**ASSIGNED TASK**
Of the material below, the lines to be retyped are those from the line containing "#95=IFCINDEXEDPOLYGONALFACE((1,3,7,5));" through the line containing "#101=IFCPOLYGONALFACESET(#100,$,(#94,#95,#96,#97,#98,#99),$);", inclusive; reproduce them exactly.

**EXERCISE INPUT**
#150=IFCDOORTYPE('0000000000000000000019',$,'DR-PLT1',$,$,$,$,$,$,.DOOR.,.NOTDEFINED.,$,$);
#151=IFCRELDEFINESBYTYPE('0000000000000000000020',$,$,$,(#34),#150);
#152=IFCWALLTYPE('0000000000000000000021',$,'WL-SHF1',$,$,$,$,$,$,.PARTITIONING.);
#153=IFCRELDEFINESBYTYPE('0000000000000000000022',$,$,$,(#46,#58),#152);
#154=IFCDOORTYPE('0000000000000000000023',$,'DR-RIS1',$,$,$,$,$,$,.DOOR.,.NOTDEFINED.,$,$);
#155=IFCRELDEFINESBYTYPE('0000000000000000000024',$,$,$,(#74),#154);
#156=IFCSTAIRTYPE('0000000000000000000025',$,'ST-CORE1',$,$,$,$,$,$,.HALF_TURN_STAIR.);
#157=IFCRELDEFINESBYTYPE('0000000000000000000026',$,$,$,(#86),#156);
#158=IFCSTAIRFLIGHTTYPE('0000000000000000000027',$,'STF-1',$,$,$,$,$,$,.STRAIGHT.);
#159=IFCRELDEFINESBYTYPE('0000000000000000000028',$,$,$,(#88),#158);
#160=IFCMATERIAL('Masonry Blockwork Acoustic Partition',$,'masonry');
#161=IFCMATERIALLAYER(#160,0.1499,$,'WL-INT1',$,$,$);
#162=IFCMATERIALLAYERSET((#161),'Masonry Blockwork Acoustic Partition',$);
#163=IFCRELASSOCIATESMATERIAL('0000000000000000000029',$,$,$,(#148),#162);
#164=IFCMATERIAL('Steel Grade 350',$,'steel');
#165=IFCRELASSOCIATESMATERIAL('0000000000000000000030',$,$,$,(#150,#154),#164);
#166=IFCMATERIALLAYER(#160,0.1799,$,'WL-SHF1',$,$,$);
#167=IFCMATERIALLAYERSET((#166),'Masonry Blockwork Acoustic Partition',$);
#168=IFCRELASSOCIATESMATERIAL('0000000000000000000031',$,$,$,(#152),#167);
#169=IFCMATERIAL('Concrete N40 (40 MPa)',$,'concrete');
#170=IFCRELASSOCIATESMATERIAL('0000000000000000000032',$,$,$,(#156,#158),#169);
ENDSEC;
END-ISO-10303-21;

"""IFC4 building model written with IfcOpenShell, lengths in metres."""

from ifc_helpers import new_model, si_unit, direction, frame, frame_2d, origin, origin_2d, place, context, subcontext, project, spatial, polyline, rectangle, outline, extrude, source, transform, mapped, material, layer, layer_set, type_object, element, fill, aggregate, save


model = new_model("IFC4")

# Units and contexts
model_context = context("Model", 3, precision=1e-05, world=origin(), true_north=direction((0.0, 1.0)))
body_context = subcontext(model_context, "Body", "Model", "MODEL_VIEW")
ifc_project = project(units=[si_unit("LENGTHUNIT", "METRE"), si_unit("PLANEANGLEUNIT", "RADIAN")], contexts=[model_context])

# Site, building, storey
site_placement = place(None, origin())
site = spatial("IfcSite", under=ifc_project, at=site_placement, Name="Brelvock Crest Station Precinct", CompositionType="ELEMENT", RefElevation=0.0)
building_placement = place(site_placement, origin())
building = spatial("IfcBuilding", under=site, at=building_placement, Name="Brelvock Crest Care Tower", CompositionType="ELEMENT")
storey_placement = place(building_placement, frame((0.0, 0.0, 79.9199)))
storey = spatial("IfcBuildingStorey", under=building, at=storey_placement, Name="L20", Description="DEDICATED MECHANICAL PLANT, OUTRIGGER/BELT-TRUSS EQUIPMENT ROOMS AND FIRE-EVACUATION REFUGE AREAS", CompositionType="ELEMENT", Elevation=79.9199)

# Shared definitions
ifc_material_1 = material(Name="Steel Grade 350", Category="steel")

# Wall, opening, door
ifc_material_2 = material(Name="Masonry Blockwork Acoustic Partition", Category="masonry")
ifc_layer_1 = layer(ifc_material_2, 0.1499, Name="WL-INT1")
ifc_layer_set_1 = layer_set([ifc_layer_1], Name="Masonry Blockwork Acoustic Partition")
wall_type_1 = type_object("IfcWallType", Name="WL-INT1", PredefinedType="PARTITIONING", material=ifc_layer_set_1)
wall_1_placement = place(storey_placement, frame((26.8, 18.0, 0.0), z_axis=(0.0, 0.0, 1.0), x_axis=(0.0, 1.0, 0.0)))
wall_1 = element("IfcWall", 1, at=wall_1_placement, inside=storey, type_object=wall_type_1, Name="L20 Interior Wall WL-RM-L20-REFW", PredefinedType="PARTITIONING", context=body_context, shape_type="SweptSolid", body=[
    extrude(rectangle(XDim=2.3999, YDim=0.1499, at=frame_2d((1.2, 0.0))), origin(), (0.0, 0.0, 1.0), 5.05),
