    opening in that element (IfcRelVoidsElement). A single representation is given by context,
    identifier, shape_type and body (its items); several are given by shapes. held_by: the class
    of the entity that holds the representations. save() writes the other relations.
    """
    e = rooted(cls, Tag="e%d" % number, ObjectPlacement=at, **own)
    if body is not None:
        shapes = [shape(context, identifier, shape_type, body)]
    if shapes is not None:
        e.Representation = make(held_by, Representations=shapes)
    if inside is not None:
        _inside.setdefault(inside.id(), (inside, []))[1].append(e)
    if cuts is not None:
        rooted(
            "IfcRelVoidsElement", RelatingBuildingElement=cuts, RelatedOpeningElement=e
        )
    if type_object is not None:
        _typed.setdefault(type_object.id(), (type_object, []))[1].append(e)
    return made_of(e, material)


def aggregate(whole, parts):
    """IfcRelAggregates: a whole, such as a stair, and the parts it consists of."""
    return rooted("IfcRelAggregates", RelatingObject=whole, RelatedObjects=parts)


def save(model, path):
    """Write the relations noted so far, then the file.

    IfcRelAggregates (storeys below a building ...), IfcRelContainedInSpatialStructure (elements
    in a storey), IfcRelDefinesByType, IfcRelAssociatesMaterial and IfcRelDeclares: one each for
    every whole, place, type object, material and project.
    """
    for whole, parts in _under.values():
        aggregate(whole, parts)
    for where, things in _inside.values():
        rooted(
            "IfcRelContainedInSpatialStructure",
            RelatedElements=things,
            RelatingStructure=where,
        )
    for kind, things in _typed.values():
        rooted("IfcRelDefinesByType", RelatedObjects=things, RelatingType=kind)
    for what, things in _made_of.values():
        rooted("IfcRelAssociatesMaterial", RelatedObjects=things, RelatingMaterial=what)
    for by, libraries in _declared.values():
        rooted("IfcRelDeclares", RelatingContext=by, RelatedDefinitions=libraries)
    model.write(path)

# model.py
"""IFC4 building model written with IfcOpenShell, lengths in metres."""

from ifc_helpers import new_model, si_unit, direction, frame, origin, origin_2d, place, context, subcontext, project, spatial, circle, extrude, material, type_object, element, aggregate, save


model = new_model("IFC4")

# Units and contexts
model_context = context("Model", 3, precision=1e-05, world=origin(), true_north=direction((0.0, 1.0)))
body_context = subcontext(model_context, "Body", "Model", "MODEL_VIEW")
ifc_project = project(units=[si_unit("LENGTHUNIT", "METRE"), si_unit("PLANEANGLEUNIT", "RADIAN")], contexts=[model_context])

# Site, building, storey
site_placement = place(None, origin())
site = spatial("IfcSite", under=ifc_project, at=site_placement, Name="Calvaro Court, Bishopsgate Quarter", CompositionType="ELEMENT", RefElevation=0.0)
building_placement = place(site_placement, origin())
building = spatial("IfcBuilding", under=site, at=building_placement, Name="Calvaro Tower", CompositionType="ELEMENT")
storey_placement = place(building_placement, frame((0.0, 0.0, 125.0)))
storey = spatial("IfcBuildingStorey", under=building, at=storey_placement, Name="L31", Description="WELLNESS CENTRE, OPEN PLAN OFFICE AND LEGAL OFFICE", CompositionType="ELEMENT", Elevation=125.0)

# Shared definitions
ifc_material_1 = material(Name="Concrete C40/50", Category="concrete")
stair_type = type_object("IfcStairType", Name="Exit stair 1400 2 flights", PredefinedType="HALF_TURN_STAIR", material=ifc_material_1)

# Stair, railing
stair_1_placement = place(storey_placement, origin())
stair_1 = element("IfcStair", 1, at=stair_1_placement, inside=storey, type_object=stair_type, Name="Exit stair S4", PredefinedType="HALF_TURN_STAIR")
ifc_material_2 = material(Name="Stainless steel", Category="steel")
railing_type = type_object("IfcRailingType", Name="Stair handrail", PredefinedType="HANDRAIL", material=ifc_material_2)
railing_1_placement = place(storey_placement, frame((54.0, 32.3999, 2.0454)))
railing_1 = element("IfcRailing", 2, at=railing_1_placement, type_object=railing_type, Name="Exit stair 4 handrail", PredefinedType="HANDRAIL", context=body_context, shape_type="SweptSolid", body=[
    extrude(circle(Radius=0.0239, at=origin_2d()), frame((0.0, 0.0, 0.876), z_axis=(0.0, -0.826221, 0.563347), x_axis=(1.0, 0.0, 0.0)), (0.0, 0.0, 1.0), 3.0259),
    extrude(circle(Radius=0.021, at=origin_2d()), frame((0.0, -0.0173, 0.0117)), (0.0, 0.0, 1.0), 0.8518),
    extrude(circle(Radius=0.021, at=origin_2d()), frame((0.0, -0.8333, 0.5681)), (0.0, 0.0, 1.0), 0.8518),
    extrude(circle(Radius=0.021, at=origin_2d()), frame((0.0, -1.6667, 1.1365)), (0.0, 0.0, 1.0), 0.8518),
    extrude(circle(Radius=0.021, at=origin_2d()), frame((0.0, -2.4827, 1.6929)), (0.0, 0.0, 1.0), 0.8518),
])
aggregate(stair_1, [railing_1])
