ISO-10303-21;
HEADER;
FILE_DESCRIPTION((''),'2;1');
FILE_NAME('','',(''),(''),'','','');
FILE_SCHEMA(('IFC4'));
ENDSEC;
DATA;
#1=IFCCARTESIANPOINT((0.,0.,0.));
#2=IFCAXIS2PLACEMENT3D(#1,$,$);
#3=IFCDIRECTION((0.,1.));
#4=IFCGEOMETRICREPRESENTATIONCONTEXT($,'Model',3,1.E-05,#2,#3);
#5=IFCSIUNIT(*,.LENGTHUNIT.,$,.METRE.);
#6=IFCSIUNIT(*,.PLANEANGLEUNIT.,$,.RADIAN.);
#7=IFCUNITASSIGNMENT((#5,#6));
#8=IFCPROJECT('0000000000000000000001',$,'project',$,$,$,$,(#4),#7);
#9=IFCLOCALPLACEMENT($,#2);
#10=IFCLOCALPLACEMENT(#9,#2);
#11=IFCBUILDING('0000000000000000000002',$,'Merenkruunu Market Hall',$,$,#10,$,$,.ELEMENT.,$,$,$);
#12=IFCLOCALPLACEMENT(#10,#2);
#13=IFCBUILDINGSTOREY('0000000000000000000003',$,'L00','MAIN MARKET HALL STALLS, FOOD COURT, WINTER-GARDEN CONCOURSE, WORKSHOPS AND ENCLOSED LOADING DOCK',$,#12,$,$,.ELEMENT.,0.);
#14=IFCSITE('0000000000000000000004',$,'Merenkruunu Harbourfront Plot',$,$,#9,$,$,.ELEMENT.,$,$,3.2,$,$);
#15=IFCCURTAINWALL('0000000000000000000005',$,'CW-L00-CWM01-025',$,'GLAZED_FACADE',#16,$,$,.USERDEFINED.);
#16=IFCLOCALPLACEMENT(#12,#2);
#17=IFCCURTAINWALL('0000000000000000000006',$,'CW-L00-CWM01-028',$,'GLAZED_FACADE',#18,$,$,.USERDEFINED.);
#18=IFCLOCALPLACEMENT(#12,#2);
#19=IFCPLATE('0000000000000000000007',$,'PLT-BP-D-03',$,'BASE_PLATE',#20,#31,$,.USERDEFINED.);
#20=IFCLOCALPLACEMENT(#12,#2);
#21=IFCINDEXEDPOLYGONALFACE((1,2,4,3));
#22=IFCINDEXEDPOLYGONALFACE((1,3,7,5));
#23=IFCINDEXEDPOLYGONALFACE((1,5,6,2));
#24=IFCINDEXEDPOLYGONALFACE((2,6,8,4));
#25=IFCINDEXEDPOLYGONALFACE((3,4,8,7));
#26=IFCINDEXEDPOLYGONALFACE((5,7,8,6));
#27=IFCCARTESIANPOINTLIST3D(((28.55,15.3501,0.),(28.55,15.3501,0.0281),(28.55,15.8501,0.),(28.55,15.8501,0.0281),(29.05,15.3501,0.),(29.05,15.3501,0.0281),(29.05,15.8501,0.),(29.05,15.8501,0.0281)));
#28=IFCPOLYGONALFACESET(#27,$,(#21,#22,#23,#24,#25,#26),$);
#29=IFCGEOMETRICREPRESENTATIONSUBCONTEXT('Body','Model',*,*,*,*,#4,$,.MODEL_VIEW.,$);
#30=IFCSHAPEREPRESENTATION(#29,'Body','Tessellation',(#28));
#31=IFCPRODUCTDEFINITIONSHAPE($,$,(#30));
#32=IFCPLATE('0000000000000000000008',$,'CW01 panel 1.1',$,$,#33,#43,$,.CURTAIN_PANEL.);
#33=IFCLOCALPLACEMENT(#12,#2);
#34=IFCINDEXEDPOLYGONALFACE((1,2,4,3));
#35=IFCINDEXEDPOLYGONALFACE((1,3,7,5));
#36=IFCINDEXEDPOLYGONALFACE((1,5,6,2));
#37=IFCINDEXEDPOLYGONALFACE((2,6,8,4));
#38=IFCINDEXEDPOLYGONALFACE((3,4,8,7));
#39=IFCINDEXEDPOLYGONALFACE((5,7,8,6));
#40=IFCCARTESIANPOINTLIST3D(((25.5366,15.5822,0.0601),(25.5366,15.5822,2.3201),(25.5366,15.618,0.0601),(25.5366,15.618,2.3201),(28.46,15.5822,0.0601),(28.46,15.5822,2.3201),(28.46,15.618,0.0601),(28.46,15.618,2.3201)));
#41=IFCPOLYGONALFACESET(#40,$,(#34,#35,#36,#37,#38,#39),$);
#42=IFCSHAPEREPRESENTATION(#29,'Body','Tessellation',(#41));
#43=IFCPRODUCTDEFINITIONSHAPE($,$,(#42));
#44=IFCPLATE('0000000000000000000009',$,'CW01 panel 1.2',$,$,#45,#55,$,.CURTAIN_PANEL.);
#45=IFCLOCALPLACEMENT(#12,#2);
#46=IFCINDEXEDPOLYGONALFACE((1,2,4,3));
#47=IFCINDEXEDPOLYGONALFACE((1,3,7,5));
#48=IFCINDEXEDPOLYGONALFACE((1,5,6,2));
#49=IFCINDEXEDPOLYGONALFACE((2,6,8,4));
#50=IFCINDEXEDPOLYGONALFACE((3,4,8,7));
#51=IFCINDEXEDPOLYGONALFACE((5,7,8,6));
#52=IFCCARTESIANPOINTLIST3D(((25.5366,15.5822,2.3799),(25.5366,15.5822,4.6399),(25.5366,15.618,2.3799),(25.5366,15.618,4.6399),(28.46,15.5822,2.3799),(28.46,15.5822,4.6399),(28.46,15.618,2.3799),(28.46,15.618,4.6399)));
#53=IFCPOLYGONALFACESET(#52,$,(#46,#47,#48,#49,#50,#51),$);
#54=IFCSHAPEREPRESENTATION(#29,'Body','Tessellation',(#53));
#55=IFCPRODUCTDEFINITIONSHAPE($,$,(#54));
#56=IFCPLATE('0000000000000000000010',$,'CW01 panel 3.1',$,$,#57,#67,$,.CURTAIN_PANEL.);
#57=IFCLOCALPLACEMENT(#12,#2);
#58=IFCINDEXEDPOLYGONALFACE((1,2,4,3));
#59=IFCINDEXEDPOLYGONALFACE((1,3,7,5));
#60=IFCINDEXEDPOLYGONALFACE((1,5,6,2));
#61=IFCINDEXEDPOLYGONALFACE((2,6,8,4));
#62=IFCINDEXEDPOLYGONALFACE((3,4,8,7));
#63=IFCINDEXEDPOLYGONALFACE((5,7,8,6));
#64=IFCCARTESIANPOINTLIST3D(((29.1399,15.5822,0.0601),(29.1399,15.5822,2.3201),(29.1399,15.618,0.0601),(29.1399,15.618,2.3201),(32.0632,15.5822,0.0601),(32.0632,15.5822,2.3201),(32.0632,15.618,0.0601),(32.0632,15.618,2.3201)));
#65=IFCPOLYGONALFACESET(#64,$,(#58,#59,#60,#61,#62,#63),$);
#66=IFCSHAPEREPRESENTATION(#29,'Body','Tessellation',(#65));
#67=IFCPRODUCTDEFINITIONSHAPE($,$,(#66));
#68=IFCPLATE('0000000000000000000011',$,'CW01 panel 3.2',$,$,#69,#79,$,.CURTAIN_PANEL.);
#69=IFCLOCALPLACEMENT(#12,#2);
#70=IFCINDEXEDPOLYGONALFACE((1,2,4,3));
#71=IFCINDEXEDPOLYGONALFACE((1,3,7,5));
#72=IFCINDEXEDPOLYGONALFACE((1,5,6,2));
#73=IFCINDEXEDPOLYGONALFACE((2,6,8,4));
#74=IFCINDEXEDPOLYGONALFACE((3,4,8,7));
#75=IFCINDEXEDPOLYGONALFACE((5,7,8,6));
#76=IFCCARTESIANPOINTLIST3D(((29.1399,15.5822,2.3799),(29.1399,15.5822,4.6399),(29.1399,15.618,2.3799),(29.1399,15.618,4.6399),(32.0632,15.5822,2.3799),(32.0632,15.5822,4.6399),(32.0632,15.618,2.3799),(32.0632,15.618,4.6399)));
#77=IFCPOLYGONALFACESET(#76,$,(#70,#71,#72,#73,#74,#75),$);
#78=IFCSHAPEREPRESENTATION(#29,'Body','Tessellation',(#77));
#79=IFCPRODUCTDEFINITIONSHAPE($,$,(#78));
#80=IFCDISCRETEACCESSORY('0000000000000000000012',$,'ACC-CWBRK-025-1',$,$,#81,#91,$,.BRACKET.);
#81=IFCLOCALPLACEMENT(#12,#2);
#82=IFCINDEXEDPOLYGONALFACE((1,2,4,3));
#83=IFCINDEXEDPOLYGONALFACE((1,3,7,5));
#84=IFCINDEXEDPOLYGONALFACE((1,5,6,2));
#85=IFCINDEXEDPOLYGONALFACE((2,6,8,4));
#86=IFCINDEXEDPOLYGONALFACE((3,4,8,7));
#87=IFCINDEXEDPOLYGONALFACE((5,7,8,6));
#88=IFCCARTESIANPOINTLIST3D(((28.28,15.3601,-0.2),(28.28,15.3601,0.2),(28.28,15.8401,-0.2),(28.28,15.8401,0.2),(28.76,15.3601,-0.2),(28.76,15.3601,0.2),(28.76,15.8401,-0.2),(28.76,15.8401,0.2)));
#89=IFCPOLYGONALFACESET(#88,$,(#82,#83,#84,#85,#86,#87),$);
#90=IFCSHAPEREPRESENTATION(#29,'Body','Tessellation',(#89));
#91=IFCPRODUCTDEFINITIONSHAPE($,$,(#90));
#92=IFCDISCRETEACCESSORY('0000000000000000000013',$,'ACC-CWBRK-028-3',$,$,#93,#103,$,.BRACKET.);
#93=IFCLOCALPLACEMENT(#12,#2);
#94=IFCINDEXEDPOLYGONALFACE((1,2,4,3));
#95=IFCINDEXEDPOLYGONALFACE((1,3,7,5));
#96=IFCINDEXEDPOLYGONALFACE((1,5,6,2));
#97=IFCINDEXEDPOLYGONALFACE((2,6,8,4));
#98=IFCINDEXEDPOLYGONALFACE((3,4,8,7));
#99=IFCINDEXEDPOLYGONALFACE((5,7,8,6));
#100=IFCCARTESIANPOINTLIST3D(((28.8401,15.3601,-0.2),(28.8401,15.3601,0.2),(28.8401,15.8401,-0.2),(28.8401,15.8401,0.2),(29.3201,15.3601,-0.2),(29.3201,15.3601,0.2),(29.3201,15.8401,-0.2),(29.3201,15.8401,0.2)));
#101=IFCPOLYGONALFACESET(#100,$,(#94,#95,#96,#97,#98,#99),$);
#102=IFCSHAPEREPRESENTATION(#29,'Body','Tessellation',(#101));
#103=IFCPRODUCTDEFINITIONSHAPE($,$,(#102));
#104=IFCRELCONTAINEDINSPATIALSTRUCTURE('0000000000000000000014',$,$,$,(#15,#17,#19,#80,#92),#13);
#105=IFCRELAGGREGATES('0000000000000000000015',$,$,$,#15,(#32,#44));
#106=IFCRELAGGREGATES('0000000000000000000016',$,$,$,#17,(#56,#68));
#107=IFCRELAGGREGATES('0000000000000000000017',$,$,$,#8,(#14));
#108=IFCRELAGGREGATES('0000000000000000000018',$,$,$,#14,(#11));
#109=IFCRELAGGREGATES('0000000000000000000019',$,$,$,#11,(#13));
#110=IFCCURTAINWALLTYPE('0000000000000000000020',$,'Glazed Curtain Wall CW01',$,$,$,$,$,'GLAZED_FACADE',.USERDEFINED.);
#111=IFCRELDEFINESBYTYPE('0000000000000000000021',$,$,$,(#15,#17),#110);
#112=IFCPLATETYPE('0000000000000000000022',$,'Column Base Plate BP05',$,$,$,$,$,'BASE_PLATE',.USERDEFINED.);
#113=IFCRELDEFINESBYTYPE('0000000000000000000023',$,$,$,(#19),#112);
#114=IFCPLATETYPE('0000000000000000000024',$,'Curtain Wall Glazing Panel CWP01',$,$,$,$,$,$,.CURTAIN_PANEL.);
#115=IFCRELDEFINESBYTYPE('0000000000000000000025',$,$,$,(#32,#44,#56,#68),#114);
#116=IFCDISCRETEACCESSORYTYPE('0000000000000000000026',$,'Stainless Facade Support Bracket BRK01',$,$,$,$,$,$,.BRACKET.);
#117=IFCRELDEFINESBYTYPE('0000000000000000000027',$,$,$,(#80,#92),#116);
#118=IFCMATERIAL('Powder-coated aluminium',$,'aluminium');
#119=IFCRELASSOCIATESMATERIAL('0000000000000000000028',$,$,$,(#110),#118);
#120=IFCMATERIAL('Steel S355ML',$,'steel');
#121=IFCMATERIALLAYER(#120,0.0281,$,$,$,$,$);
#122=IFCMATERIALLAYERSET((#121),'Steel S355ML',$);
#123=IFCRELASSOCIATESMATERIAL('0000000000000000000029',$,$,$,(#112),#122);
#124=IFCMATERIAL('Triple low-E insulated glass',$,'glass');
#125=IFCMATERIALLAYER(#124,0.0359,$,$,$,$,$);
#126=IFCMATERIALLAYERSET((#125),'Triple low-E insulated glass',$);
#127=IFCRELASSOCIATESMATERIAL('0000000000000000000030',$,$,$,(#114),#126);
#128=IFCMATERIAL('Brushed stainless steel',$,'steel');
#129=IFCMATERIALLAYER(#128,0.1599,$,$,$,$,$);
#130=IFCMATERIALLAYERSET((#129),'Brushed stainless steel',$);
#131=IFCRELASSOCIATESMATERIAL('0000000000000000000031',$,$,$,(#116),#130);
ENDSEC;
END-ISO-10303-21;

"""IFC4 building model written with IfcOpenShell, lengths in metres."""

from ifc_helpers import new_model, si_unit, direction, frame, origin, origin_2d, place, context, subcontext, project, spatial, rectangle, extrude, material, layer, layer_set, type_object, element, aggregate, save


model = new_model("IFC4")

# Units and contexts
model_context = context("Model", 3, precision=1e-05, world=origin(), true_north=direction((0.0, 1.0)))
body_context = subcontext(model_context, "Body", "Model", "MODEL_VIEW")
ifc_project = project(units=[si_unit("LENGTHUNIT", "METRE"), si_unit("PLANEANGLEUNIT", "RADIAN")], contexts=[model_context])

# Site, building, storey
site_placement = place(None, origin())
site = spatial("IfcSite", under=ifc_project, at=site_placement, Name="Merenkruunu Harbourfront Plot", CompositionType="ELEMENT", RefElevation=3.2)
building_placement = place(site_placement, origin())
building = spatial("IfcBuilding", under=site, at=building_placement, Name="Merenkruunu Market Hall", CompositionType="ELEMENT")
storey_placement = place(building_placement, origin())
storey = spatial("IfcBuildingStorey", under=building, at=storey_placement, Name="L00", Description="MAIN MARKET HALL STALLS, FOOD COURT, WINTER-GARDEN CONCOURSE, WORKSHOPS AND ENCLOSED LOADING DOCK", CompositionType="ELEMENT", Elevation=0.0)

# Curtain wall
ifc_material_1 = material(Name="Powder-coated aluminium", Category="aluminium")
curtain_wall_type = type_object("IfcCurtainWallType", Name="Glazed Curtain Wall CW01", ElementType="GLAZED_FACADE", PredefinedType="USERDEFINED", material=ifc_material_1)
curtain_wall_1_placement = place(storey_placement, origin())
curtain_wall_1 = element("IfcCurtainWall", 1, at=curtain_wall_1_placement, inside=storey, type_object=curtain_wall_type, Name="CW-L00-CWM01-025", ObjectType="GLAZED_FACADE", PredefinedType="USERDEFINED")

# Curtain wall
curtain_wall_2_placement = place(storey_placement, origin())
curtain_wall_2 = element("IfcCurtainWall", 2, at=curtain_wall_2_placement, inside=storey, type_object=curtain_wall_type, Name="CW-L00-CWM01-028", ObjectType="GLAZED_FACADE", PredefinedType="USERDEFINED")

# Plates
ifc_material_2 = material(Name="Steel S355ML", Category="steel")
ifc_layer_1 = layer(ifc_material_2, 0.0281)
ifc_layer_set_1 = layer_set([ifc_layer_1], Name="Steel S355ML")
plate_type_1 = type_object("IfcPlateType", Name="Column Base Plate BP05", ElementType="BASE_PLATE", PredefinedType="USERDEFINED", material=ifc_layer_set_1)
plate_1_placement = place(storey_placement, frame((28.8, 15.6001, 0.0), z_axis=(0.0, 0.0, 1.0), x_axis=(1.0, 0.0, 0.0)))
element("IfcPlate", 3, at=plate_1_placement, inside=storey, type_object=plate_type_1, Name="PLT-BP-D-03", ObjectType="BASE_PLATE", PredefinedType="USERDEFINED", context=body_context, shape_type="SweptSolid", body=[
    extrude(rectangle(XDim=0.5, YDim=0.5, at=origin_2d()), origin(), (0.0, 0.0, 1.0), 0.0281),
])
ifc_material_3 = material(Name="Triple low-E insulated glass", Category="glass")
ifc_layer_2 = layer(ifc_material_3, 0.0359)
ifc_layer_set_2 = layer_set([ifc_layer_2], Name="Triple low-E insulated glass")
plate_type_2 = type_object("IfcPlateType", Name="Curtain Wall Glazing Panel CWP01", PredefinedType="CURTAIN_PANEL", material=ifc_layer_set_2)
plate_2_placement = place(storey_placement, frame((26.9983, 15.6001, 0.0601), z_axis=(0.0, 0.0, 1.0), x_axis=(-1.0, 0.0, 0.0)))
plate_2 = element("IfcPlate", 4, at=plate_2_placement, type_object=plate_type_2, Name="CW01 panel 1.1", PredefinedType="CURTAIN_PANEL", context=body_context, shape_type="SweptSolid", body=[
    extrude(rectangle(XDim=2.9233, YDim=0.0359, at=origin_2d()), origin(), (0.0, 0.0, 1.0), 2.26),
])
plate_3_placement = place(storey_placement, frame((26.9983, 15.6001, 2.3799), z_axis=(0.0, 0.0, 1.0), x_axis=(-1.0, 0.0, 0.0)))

**FINISHED EXERCISE**
#95=IFCINDEXEDPOLYGONALFACE((1,3,7,5));
#96=IFCINDEXEDPOLYGONALFACE((1,5,6,2));
#97=IFCINDEXEDPOLYGONALFACE((2,6,8,4));
#98=IFCINDEXEDPOLYGONALFACE((3,4,8,7));
#99=IFCINDEXEDPOLYGONALFACE((5,7,8,6));
#100=IFCCARTESIANPOINTLIST3D(((28.8401,15.3601,-0.2),(28.8401,15.3601,0.2),(28.8401,15.8401,-0.2),(28.8401,15.8401,0.2),(29.3201,15.3601,-0.2),(29.3201,15.3601,0.2),(29.3201,15.8401,-0.2),(29.3201,15.8401,0.2)));
#101=IFCPOLYGONALFACESET(#100,$,(#94,#95,#96,#97,#98,#99),$);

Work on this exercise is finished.